◆ **TASK REQUIREMENTS**
If a line in the data has the string "unitised", please show it.
━━━ SUPPLIED RECORDS ━━━
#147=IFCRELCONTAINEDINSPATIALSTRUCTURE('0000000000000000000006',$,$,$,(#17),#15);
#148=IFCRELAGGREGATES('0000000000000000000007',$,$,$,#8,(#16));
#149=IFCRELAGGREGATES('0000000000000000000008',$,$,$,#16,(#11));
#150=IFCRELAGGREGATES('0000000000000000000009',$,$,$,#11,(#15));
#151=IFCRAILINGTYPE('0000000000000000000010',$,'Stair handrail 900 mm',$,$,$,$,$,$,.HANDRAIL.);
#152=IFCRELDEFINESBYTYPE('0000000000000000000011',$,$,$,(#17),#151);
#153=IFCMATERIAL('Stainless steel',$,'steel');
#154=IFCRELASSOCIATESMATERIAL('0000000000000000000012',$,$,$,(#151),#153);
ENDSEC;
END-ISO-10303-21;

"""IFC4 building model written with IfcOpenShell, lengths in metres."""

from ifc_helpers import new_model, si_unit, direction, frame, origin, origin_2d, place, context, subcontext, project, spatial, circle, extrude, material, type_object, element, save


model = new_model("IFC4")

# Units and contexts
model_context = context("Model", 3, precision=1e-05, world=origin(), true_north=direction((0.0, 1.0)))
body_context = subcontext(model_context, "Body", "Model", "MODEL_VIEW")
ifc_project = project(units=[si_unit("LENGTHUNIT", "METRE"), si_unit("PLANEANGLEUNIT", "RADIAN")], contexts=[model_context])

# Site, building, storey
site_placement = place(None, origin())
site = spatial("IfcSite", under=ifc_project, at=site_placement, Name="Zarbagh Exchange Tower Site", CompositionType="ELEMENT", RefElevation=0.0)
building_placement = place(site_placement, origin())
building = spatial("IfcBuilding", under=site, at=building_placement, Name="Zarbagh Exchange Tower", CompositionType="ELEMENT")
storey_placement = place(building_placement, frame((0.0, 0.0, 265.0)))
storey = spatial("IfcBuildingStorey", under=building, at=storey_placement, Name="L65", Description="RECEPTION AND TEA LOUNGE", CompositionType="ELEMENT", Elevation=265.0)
━━━
━━━ SUPPLIED RECORDS ━━━
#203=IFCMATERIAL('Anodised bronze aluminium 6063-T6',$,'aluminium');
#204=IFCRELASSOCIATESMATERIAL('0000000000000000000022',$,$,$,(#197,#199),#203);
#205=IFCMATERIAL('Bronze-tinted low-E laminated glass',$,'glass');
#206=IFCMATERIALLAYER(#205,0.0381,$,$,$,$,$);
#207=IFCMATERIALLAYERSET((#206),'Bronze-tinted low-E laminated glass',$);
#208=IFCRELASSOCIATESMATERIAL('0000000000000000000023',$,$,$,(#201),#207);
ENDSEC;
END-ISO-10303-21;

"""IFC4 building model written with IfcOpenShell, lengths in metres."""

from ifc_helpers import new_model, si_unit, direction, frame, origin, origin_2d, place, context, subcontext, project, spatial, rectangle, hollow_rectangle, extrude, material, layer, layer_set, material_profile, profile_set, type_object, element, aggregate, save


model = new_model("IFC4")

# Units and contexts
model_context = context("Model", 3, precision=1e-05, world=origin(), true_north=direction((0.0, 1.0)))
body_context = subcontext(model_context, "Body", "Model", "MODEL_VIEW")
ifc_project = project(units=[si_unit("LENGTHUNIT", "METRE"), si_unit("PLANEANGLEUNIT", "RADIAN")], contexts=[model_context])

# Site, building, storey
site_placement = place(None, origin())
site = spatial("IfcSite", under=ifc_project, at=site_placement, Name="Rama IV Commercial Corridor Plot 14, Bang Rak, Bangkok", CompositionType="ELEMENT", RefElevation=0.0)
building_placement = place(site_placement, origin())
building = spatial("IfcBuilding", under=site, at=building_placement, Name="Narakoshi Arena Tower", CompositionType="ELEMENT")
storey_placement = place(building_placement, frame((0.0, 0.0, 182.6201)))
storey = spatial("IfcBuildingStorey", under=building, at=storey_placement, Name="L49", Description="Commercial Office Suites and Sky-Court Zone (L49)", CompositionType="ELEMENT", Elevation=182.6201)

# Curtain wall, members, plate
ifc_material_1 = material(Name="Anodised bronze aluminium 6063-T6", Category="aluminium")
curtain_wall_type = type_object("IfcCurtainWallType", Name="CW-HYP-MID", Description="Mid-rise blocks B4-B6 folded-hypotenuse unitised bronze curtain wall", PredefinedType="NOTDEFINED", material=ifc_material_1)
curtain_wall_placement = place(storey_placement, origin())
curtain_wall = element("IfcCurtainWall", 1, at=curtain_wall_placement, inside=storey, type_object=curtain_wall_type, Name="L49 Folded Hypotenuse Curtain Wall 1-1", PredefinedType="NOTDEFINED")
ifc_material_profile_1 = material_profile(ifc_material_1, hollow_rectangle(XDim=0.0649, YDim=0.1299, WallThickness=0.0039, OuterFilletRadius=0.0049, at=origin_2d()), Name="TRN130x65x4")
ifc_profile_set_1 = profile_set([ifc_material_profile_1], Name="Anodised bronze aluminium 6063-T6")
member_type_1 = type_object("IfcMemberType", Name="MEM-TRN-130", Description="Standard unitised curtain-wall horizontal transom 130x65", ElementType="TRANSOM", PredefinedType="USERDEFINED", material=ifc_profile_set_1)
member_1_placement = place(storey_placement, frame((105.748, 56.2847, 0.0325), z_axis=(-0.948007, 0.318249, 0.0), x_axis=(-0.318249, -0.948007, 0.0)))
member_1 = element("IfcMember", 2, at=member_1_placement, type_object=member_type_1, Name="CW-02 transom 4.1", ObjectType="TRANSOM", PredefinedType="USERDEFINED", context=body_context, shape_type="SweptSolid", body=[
━━━
◆ **TASK RESULT**
curtain_wall_type = type_object("IfcCurtainWallType", Name="CW-HYP-MID", Description="Mid-rise blocks B4-B6 folded-hypotenuse unitised bronze curtain wall", PredefinedType="NOTDEFINED", material=ifc_material_1)
member_type_1 = type_object("IfcMemberType", Name="MEM-TRN-130", Description="Standard unitised curtain-wall horizontal transom 130x65", ElementType="TRANSOM", PredefinedType="USERDEFINED", material=ifc_profile_set_1)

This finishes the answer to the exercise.